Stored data
* * * * * * *
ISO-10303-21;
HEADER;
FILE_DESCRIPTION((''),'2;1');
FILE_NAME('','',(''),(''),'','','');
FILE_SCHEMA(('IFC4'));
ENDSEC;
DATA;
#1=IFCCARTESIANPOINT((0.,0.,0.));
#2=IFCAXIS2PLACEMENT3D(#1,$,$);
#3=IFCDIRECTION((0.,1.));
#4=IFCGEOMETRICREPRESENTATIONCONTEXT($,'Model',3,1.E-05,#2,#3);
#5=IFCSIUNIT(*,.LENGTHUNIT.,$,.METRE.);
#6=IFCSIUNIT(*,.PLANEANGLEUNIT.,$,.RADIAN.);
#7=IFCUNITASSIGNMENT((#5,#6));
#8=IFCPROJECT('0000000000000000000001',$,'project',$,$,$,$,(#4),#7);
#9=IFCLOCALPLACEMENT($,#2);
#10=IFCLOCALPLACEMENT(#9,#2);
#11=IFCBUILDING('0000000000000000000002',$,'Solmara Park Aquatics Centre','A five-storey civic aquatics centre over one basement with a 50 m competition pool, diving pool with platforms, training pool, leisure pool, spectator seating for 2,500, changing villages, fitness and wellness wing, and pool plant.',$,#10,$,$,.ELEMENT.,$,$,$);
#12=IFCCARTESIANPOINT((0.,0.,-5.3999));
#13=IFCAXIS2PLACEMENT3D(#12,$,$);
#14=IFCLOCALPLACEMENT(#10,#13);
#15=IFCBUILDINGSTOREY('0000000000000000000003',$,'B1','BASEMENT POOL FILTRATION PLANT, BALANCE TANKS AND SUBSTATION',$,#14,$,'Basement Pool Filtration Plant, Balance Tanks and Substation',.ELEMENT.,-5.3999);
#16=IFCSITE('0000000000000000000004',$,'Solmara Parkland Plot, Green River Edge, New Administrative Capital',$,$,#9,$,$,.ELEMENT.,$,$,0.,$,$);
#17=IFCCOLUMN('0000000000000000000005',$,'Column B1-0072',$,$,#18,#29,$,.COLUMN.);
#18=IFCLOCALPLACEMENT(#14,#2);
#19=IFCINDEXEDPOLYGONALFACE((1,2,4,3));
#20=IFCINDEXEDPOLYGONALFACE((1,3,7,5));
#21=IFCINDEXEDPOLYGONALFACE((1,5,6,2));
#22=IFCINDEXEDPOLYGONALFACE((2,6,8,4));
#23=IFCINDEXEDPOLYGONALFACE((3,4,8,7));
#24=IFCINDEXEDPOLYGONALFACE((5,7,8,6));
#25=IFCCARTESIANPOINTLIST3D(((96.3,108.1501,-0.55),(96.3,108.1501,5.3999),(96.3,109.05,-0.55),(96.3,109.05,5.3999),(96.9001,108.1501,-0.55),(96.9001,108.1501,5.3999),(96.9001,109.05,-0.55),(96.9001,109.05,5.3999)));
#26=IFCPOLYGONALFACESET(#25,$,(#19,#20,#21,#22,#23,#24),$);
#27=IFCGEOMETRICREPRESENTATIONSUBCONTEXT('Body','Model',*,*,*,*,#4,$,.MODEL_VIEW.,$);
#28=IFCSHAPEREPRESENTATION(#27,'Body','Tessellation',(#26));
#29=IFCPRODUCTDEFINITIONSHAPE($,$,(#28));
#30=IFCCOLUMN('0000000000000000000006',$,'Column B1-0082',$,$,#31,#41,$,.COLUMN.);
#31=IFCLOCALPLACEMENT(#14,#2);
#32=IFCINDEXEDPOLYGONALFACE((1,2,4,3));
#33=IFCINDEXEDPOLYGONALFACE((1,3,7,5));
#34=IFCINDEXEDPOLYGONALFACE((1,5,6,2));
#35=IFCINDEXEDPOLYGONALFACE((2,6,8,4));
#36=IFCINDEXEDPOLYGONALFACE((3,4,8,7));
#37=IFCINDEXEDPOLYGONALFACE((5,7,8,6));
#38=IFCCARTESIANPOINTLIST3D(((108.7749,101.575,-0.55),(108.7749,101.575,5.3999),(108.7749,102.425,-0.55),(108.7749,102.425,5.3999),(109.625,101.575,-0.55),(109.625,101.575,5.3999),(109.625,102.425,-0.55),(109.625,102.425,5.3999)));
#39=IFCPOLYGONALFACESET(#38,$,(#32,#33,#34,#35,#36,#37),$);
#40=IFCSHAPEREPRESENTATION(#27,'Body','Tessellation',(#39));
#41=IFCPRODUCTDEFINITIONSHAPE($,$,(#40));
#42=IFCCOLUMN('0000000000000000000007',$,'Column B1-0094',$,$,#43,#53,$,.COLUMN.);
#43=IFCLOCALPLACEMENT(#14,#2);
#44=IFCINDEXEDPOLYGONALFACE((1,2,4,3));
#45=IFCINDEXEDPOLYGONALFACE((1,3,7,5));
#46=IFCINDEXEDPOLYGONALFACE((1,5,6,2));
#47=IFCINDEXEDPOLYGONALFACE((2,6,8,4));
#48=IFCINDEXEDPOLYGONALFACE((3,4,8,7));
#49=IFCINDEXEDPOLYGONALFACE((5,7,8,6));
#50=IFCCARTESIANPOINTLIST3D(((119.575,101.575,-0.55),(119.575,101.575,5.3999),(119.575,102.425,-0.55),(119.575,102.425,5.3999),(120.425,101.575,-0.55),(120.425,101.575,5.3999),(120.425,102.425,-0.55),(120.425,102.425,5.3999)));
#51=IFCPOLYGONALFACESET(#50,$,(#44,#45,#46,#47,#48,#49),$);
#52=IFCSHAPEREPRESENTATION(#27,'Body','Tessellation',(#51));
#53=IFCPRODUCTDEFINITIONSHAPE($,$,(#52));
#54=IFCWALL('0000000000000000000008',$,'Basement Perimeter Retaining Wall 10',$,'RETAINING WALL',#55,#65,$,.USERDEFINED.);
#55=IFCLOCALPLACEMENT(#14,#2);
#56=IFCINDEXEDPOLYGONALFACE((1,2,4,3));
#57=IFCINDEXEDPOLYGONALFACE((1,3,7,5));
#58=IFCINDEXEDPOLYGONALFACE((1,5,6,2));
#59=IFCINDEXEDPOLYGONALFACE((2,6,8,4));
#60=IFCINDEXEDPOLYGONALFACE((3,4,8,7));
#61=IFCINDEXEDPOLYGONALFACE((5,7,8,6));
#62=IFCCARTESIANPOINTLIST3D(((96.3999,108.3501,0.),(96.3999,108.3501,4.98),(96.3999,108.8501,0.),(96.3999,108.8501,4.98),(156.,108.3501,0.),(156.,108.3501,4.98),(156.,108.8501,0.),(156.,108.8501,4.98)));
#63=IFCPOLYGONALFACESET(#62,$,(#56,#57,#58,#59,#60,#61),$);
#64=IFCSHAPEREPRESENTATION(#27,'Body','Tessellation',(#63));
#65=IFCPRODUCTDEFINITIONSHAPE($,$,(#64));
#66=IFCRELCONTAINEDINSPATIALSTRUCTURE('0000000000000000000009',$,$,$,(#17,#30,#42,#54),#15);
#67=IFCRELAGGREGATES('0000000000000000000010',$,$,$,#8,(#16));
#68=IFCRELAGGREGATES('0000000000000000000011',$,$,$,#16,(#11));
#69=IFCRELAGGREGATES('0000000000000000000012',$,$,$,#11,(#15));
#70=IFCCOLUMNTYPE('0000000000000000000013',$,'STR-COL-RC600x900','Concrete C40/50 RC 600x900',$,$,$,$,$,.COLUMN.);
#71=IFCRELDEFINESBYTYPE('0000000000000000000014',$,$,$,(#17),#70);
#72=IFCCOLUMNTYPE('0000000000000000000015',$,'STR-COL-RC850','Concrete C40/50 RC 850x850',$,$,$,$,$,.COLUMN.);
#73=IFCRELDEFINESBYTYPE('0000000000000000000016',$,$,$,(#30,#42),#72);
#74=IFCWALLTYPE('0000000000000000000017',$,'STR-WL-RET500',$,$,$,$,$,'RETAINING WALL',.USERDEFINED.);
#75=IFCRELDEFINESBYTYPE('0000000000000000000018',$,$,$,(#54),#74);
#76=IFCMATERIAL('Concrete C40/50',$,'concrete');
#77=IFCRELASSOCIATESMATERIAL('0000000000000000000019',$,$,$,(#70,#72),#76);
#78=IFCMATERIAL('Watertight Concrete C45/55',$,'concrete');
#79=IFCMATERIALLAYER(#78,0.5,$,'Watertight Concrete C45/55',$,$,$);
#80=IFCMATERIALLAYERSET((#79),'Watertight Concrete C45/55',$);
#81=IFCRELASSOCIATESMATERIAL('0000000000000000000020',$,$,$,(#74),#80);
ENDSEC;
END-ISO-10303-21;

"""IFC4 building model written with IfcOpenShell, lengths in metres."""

from ifc_helpers import new_model, si_unit, direction, frame, frame_2d, origin, origin_2d, place, context, subcontext, project, spatial, rectangle, extrude, material, layer, layer_set, material_profile, profile_set, type_object, element, save


model = new_model("IFC4")

# Units and contexts
model_context = context("Model", 3, precision=1e-05, world=origin(), true_north=direction((0.0, 1.0)))
body_context = subcontext(model_context, "Body", "Model", "MODEL_VIEW")
ifc_project = project(units=[si_unit("LENGTHUNIT", "METRE"), si_unit("PLANEANGLEUNIT", "RADIAN")], contexts=[model_context])

# Site, building, storey
site_placement = place(None, origin())
site = spatial("IfcSite", under=ifc_project, at=site_placement, Name="Solmara Parkland Plot, Green River Edge, New Administrative Capital", CompositionType="ELEMENT", RefElevation=0.0)
building_placement = place(site_placement, origin())
building = spatial("IfcBuilding", under=site, at=building_placement, Name="Solmara Park Aquatics Centre", Description="A five-storey civic aquatics centre over one basement with a 50 m competition pool, diving pool with platforms, training pool, leisure pool, spectator seating for 2,500, changing villages, fitness and wellness wing, and pool plant.", CompositionType="ELEMENT")
storey_placement = place(building_placement, frame((0.0, 0.0, -5.3999)))
storey = spatial("IfcBuildingStorey", under=building, at=storey_placement, Name="B1", Description="BASEMENT POOL FILTRATION PLANT, BALANCE TANKS AND SUBSTATION", LongName="Basement Pool Filtration Plant, Balance Tanks and Substation", CompositionType="ELEMENT", Elevation=-5.3999)

# Shared definitions
ifc_material_1 = material(Name="Watertight Concrete C45/55", Category="concrete")

# Columns
ifc_material_2 = material(Name="Concrete C40/50", Category="concrete")
ifc_material_profile_1 = material_profile(ifc_material_2, rectangle(XDim=0.6001, YDim=0.8999, at=origin_2d()), Name="RC 600x900")
ifc_profile_set_1 = profile_set([ifc_material_profile_1], Name="Concrete C40/50")
column_type_1 = type_object("IfcColumnType", Name="STR-COL-RC600x900", Description="Concrete C40/50 RC 600x900", PredefinedType="COLUMN", material=ifc_profile_set_1)
column_1_placement = place(storey_placement, frame((96.6001, 108.6001, -0.55), z_axis=(0.0, 0.0, 1.0), x_axis=(1.0, 0.0, 0.0)))
element("IfcColumn", 1, at=column_1_placement, inside=storey, type_object=column_type_1, Name="Column B1-0072", PredefinedType="COLUMN", context=body_context, shape_type="SweptSolid", body=[
    extrude(rectangle(XDim=0.6001, YDim=0.8999, at=origin_2d()), origin(), (0.0, 0.0, 1.0), 5.95),
])
ifc_material_profile_2 = material_profile(ifc_material_2, rectangle(XDim=0.8501, YDim=0.8501, at=origin_2d()), Name="RC 850x850")
ifc_profile_set_2 = profile_set([ifc_material_profile_2], Name="Concrete C40/50")
column_type_2 = type_object("IfcColumnType", Name="STR-COL-RC850", Description="Concrete C40/50 RC 850x850", PredefinedType="COLUMN", material=ifc_profile_set_2)
for number, where, z_axis, x_axis, name in (
    (2, (109.2, 102.0, -0.55), (0.0, 0.0, 1.0), (1.0, 0.0, 0.0), "Column B1-0082"),
    (3, (120.0, 102.0, -0.55), (0.0, 0.0, 1.0), (1.0, 0.0, 0.0), "Column B1-0094"),
):
    element("IfcColumn", number, at=place(storey_placement, frame(where, z_axis=z_axis, x_axis=x_axis)), inside=storey, type_object=column_type_2, Name=name, PredefinedType="COLUMN", context=body_context, shape_type="SweptSolid", body=[
        extrude(rectangle(XDim=0.8501, YDim=0.8501, at=origin_2d()), origin(), (0.0, 0.0, 1.0), 5.95),
    ])

# Wall
ifc_layer = layer(ifc_material_1, 0.5, Name="Watertight Concrete C45/55")
ifc_layer_set = layer_set([ifc_layer], Name="Watertight Concrete C45/55")
wall_type = type_object("IfcWallType", Name="STR-WL-RET500", ElementType="RETAINING WALL", PredefinedType="USERDEFINED", material=ifc_layer_set)
wall_placement = place(storey_placement, frame((96.3999, 108.6001, 0.0), z_axis=(0.0, 0.0, 1.0), x_axis=(1.0, 0.0, 0.0)))
element("IfcWall", 4, at=wall_placement, inside=storey, type_object=wall_type, Name="Basement Perimeter Retaining Wall 10", ObjectType="RETAINING WALL", PredefinedType="USERDEFINED", context=body_context, shape_type="SweptSolid", body=[
    extrude(rectangle(XDim=59.6001, YDim=0.5, at=frame_2d((29.8, 0.0))), origin(), (0.0, 0.0, 1.0), 4.98),
])

save(model, "model.ifc")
* * * * * * *
About this task:
Copy only this part of the entries above: the line with "#5=IFCSIUNIT(*,.LENGTHUNIT.,$,.METRE.);", the line with "#28=IFCSHAPEREPRESENTATION(#27,'Body','Tessellation',(#26));", and the lines between, all exactly as written.

Answer to the problem:
#5=IFCSIUNIT(*,.LENGTHUNIT.,$,.METRE.);
#6=IFCSIUNIT(*,.PLANEANGLEUNIT.,$,.RADIAN.);
#7=IFCUNITASSIGNMENT((#5,#6));
#8=IFCPROJECT('0000000000000000000001',$,'project',$,$,$,$,(#4),#7);
#9=IFCLOCALPLACEMENT($,#2);
#10=IFCLOCALPLACEMENT(#9,#2);
#11=IFCBUILDING('0000000000000000000002',$,'Solmara Park Aquatics Centre','A five-storey civic aquatics centre over one basement with a 50 m competition pool, diving pool with platforms, training pool, leisure pool, spectator seating for 2,500, changing villages, fitness and wellness wing, and pool plant.',$,#10,$,$,.ELEMENT.,$,$,$);
#12=IFCCARTESIANPOINT((0.,0.,-5.3999));
#13=IFCAXIS2PLACEMENT3D(#12,$,$);
#14=IFCLOCALPLACEMENT(#10,#13);
#15=IFCBUILDINGSTOREY('0000000000000000000003',$,'B1','BASEMENT POOL FILTRATION PLANT, BALANCE TANKS AND SUBSTATION',$,#14,$,'Basement Pool Filtration Plant, Balance Tanks and Substation',.ELEMENT.,-5.3999);
#16=IFCSITE('0000000000000000000004',$,'Solmara Parkland Plot, Green River Edge, New Administrative Capital',$,$,#9,$,$,.ELEMENT.,$,$,0.,$,$);
#17=IFCCOLUMN('0000000000000000000005',$,'Column B1-0072',$,$,#18,#29,$,.COLUMN.);
#18=IFCLOCALPLACEMENT(#14,#2);
#19=IFCINDEXEDPOLYGONALFACE((1,2,4,3));
#20=IFCINDEXEDPOLYGONALFACE((1,3,7,5));
#21=IFCINDEXEDPOLYGONALFACE((1,5,6,2));
#22=IFCINDEXEDPOLYGONALFACE((2,6,8,4));
#23=IFCINDEXEDPOLYGONALFACE((3,4,8,7));
#24=IFCINDEXEDPOLYGONALFACE((5,7,8,6));
#25=IFCCARTESIANPOINTLIST3D(((96.3,108.1501,-0.55),(96.3,108.1501,5.3999),(96.3,109.05,-0.55),(96.3,109.05,5.3999),(96.9001,108.1501,-0.55),(96.9001,108.1501,5.3999),(96.9001,109.05,-0.55),(96.9001,109.05,5.3999)));
#26=IFCPOLYGONALFACESET(#25,$,(#19,#20,#21,#22,#23,#24),$);
#27=IFCGEOMETRICREPRESENTATIONSUBCONTEXT('Body','Model',*,*,*,*,#4,$,.MODEL_VIEW.,$);
#28=IFCSHAPEREPRESENTATION(#27,'Body','Tessellation',(#26));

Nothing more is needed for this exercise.